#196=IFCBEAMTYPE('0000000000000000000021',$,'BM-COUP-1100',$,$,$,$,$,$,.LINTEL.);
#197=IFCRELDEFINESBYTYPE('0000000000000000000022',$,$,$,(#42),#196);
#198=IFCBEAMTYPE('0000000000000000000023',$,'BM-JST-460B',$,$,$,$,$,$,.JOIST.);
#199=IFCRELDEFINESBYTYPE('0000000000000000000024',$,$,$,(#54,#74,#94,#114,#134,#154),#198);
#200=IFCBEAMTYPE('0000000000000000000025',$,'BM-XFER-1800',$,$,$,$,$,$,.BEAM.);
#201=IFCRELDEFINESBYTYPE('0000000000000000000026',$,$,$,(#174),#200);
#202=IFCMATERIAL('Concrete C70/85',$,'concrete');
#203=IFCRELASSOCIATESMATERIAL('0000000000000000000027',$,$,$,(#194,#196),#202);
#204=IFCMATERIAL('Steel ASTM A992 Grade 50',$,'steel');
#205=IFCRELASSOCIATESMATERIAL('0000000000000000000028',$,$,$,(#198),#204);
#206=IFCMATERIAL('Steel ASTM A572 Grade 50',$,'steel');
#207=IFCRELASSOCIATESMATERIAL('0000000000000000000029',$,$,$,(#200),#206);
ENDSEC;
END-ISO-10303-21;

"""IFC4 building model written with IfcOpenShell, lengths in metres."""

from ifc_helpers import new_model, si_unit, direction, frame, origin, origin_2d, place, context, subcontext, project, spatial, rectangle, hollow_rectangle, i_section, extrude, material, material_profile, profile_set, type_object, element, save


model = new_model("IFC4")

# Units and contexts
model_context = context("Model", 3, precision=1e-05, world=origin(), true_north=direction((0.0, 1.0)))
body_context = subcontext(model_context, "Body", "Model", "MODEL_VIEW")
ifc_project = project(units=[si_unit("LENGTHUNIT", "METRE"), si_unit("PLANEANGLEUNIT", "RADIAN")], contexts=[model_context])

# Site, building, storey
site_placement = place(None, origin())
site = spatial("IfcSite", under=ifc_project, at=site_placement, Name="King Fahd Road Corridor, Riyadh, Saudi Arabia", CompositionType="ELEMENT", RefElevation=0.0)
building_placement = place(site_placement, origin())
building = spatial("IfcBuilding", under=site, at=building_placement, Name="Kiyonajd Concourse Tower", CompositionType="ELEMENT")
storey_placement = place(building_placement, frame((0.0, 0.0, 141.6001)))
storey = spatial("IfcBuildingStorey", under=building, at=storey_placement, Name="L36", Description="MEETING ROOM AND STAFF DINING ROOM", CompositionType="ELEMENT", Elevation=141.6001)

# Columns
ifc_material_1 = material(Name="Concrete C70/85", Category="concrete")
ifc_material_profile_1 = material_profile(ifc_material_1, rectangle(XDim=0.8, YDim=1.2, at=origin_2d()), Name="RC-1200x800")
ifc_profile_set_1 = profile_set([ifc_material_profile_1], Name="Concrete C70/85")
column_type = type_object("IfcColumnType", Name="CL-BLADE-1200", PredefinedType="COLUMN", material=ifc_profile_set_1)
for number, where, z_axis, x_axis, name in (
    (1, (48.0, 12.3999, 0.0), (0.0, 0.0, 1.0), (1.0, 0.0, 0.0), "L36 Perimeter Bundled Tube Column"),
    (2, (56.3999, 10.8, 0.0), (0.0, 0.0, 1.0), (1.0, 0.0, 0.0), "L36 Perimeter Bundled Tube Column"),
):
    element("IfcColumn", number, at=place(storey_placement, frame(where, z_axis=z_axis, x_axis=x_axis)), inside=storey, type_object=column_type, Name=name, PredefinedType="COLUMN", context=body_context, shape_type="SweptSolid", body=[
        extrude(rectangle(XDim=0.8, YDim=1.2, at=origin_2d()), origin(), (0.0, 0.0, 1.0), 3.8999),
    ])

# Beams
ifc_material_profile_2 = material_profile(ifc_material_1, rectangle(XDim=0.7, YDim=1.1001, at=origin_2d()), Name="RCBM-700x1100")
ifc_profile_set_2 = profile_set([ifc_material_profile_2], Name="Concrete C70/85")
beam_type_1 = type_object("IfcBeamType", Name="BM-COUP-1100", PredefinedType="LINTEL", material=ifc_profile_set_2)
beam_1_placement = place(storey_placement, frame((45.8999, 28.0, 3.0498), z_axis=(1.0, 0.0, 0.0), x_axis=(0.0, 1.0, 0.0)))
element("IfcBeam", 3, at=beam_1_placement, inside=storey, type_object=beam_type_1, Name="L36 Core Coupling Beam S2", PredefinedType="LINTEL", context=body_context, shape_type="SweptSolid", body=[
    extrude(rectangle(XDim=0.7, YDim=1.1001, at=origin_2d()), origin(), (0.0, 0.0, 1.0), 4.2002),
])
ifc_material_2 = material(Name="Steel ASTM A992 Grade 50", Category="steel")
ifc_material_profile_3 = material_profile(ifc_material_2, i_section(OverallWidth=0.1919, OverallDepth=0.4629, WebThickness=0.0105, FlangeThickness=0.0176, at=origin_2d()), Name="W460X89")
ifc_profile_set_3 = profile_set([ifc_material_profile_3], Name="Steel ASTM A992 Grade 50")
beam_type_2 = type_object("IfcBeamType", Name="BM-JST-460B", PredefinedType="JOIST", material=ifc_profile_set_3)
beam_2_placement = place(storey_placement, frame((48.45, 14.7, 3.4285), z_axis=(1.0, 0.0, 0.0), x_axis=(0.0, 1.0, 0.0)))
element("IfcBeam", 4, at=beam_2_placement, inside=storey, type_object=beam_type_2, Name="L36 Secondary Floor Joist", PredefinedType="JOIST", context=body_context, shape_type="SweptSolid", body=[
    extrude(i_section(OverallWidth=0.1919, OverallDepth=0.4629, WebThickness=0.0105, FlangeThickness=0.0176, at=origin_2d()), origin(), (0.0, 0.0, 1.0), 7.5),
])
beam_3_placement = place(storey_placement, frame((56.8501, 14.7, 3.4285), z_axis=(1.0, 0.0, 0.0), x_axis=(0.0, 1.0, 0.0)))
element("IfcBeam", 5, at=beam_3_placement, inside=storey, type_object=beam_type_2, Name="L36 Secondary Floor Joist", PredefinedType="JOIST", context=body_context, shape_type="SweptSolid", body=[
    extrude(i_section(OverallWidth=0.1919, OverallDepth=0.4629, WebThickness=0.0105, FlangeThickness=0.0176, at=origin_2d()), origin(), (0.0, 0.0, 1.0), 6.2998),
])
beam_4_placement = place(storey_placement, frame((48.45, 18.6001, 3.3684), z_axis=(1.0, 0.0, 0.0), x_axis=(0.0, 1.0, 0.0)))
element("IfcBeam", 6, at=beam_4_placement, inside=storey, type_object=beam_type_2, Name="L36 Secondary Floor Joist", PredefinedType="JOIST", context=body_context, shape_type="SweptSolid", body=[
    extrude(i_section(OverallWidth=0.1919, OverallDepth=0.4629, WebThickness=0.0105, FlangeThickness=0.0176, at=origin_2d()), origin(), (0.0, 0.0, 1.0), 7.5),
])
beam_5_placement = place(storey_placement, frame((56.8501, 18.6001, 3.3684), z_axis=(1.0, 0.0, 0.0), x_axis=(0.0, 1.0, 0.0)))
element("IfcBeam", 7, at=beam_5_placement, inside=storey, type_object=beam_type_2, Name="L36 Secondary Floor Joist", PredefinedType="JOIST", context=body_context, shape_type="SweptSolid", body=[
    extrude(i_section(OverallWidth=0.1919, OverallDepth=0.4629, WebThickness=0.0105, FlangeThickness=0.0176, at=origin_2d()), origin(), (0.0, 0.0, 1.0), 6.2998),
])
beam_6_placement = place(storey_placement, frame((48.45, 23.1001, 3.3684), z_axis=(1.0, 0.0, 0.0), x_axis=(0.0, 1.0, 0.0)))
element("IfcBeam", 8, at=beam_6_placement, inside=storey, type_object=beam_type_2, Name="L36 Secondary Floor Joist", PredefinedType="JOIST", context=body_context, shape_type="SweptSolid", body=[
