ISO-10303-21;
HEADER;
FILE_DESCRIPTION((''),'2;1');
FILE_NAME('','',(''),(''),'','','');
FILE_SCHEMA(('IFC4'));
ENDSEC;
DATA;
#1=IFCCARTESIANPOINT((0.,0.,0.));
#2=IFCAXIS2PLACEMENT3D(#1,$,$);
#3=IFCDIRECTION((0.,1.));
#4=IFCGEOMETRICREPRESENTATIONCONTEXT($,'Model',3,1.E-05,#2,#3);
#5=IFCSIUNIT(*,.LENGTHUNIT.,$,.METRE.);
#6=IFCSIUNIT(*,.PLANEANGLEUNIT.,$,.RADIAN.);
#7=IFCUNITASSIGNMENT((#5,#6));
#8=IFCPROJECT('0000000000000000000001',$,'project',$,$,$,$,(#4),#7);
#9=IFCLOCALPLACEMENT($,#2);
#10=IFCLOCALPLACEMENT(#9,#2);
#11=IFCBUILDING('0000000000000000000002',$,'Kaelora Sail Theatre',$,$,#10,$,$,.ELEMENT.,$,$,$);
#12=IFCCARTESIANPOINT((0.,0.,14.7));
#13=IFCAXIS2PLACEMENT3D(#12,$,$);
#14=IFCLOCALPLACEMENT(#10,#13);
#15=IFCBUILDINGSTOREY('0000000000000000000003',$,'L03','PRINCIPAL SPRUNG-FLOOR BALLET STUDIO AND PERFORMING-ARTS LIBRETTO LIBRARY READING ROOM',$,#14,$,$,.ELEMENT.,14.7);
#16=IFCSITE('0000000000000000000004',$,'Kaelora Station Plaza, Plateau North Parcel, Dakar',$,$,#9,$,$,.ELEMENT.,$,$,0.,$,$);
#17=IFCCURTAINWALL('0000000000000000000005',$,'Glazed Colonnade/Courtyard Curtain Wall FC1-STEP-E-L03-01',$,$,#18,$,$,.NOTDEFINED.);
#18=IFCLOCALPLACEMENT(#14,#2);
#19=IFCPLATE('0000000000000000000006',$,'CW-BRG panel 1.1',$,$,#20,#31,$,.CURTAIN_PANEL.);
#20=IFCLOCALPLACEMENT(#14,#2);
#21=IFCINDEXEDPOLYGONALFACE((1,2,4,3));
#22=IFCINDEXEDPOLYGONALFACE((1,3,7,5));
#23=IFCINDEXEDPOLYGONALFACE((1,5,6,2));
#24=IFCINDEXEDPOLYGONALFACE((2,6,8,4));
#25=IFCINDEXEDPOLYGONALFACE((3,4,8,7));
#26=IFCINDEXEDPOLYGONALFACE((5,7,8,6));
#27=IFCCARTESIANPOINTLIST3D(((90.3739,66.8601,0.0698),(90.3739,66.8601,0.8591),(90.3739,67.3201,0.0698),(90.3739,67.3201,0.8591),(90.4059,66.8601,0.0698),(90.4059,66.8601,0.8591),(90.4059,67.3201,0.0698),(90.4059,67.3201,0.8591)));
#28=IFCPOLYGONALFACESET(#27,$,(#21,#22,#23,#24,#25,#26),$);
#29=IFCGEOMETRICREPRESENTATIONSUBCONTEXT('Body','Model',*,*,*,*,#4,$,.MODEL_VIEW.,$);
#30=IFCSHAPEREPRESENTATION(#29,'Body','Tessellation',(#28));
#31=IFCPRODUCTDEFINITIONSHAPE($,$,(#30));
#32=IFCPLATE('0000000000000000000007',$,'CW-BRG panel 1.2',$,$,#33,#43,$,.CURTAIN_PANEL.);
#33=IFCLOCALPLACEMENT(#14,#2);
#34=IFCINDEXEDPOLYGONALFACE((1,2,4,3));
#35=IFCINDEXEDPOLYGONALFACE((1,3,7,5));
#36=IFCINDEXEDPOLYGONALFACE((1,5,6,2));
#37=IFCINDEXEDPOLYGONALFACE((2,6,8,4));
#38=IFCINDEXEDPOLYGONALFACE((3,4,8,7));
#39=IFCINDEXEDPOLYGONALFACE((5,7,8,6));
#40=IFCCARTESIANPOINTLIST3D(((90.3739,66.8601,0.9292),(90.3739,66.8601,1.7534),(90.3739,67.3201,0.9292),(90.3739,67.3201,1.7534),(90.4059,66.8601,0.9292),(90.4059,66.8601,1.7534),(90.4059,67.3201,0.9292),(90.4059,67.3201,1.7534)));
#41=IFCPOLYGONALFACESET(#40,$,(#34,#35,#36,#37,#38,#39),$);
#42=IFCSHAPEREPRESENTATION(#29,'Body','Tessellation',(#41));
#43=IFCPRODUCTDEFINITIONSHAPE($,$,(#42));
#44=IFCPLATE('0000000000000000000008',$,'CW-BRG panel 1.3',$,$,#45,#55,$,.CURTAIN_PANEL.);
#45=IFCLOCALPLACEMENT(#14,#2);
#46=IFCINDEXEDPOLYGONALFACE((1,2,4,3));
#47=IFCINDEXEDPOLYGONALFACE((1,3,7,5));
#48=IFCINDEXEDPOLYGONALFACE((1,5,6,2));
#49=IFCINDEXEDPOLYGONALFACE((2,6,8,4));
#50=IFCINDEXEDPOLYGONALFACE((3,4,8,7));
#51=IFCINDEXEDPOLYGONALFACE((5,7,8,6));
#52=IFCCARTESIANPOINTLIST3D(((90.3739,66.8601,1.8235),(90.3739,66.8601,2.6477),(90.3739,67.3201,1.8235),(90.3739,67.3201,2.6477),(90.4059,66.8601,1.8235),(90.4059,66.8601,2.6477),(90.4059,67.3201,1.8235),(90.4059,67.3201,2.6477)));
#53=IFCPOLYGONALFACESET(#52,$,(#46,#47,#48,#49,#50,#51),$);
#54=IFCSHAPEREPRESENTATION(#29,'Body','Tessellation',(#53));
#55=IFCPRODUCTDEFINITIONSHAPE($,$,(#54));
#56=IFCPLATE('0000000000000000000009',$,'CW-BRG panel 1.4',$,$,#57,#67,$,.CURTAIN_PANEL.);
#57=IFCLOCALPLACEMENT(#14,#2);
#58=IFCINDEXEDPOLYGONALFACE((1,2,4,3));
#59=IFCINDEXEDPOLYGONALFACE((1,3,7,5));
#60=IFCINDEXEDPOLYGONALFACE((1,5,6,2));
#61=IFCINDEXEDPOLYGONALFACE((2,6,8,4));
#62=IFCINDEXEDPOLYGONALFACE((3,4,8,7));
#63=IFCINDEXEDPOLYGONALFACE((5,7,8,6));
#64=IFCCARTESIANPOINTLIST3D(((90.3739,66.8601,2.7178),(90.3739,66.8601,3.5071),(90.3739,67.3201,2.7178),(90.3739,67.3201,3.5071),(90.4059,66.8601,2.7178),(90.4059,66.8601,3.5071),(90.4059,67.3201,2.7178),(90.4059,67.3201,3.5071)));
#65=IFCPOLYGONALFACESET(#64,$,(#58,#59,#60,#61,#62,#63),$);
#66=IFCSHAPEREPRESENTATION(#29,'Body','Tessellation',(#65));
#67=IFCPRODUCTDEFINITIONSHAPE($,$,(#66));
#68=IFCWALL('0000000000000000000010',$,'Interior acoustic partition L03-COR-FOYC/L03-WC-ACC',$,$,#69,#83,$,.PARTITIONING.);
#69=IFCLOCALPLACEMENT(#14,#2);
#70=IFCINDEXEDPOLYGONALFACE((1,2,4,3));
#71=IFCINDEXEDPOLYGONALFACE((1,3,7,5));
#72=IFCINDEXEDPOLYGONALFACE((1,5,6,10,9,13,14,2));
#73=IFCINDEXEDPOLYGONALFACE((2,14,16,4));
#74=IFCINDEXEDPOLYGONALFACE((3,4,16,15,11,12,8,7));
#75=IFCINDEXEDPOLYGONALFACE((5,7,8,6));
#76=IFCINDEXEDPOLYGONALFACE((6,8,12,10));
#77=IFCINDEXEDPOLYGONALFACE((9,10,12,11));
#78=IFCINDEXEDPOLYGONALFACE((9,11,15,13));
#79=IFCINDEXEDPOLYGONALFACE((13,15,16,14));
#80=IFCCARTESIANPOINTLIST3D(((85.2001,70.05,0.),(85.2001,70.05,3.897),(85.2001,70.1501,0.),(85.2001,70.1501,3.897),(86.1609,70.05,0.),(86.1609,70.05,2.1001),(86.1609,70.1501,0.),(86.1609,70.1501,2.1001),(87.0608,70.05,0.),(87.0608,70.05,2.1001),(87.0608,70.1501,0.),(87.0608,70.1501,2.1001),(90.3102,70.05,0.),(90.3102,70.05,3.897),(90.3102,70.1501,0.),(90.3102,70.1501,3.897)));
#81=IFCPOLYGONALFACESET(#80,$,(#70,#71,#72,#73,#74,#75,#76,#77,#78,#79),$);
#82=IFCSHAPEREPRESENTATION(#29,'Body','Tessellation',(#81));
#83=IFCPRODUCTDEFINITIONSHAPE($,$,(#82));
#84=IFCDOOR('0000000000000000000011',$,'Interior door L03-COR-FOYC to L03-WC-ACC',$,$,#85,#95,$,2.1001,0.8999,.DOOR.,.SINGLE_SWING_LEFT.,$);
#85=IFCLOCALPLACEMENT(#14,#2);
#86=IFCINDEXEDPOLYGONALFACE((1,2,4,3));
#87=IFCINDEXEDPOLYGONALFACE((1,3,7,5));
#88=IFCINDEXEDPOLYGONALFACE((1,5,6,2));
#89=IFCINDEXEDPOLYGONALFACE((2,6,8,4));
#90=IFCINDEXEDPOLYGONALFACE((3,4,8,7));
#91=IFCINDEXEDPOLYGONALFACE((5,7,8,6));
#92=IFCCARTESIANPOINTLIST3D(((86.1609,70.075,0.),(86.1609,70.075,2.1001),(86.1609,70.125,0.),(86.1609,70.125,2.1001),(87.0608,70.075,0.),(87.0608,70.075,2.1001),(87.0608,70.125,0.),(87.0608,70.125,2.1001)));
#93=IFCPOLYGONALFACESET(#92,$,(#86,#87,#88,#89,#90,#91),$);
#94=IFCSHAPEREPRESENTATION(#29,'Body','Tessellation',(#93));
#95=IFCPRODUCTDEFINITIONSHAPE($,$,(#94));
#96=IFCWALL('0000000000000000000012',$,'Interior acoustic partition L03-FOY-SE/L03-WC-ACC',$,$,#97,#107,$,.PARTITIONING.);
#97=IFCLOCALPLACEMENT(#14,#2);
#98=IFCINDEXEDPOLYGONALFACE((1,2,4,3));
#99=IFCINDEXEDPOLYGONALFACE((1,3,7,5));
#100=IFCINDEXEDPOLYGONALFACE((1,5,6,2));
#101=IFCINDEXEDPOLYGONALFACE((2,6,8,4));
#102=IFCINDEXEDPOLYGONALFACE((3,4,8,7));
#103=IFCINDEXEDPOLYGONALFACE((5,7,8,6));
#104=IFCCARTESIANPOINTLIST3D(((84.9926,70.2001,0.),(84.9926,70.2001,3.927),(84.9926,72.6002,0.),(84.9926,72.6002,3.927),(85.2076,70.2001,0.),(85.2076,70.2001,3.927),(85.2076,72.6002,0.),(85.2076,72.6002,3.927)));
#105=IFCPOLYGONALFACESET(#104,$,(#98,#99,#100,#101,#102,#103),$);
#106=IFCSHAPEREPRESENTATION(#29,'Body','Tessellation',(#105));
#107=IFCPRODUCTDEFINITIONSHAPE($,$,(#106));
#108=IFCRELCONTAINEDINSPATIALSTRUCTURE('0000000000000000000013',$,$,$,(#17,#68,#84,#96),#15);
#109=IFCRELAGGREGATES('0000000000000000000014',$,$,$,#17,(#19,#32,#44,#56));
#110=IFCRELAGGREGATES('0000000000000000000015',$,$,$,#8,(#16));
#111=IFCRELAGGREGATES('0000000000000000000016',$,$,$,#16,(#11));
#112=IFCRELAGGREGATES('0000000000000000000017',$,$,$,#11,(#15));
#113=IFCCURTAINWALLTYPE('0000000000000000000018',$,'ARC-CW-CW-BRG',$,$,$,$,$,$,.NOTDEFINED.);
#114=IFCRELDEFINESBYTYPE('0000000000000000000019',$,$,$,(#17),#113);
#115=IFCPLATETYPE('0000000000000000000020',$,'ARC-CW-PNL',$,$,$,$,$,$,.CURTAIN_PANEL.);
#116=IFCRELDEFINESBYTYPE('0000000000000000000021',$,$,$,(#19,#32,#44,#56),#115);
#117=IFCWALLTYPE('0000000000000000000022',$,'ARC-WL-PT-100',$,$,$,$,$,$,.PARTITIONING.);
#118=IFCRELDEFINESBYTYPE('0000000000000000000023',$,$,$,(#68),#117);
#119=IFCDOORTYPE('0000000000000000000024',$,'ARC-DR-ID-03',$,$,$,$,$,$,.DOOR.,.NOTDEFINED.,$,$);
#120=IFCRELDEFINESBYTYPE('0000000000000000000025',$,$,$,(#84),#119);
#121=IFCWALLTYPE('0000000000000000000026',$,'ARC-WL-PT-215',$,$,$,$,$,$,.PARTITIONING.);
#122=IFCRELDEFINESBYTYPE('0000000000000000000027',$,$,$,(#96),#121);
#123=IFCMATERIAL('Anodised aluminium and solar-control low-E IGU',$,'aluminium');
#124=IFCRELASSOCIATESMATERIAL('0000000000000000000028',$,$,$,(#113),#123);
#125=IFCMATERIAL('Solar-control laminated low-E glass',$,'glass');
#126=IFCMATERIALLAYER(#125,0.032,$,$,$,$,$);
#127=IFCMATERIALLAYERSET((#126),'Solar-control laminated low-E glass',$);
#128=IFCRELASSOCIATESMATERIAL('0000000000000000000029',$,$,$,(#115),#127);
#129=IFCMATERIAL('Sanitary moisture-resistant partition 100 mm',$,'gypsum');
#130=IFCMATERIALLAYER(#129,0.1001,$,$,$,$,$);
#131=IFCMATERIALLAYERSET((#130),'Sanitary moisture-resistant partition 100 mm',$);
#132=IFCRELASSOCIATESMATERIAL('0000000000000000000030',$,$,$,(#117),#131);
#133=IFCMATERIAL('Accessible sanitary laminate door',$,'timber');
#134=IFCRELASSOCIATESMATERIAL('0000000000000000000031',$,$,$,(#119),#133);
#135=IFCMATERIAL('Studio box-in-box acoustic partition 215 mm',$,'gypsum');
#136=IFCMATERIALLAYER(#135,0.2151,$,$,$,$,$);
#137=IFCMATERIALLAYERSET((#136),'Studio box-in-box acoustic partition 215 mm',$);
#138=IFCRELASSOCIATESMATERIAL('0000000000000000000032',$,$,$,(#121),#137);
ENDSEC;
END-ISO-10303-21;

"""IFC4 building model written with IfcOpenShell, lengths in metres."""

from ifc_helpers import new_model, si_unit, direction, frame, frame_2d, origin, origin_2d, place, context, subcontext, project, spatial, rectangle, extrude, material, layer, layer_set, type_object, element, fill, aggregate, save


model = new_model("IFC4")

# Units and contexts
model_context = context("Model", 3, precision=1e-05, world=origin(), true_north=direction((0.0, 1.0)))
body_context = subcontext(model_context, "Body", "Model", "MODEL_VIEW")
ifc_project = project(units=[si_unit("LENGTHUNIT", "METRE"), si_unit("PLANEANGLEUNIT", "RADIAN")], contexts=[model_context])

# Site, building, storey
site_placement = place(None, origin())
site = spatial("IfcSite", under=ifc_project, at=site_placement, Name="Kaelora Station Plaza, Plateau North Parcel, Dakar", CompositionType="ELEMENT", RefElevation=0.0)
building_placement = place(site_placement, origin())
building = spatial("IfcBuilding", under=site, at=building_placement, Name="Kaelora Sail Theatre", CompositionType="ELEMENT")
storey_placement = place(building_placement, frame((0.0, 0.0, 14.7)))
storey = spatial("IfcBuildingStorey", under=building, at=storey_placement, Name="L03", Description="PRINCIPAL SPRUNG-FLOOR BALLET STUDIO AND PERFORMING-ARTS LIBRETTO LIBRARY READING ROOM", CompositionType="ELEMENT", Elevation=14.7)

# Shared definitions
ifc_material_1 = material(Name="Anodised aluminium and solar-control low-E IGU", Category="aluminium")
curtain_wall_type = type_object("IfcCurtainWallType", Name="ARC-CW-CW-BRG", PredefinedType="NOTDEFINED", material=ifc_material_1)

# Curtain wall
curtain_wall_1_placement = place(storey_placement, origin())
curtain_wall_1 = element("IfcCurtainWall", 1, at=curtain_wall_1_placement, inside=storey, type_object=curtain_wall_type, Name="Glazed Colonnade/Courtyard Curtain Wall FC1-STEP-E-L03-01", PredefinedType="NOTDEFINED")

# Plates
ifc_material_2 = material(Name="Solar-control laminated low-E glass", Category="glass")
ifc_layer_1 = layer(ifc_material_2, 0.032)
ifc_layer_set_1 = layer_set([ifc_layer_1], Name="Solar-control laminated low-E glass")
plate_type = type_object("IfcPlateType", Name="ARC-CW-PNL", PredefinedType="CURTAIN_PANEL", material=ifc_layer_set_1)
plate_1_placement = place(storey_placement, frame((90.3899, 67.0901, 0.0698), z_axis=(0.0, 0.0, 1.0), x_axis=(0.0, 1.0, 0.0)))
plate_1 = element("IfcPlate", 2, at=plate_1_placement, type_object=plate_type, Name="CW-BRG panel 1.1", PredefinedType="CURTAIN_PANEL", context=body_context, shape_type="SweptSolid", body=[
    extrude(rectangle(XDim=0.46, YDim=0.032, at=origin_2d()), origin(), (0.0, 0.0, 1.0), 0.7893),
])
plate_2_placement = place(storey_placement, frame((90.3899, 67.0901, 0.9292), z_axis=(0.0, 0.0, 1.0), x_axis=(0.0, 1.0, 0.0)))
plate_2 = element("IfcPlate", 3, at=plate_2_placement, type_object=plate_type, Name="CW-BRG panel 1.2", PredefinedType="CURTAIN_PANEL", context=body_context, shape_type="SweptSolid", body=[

What you should do = The lines to retype, exactly and only, run from the first line of the material through the line with "#204=IFCMATERIAL('Steel ASTM A992".

Written solution =
#196=IFCBEAMTYPE('0000000000000000000021',$,'BM-COUP-1100',$,$,$,$,$,$,.LINTEL.);
#197=IFCRELDEFINESBYTYPE('0000000000000000000022',$,$,$,(#42),#196);
#198=IFCBEAMTYPE('0000000000000000000023',$,'BM-JST-460B',$,$,$,$,$,$,.JOIST.);
#199=IFCRELDEFINESBYTYPE('0000000000000000000024',$,$,$,(#54,#74,#94,#114,#134,#154),#198);
#200=IFCBEAMTYPE('0000000000000000000025',$,'BM-XFER-1800',$,$,$,$,$,$,.BEAM.);
#201=IFCRELDEFINESBYTYPE('0000000000000000000026',$,$,$,(#174),#200);
#202=IFCMATERIAL('Concrete C70/85',$,'concrete');
#203=IFCRELASSOCIATESMATERIAL('0000000000000000000027',$,$,$,(#194,#196),#202);
#204=IFCMATERIAL('Steel ASTM A992 Grade 50',$,'steel');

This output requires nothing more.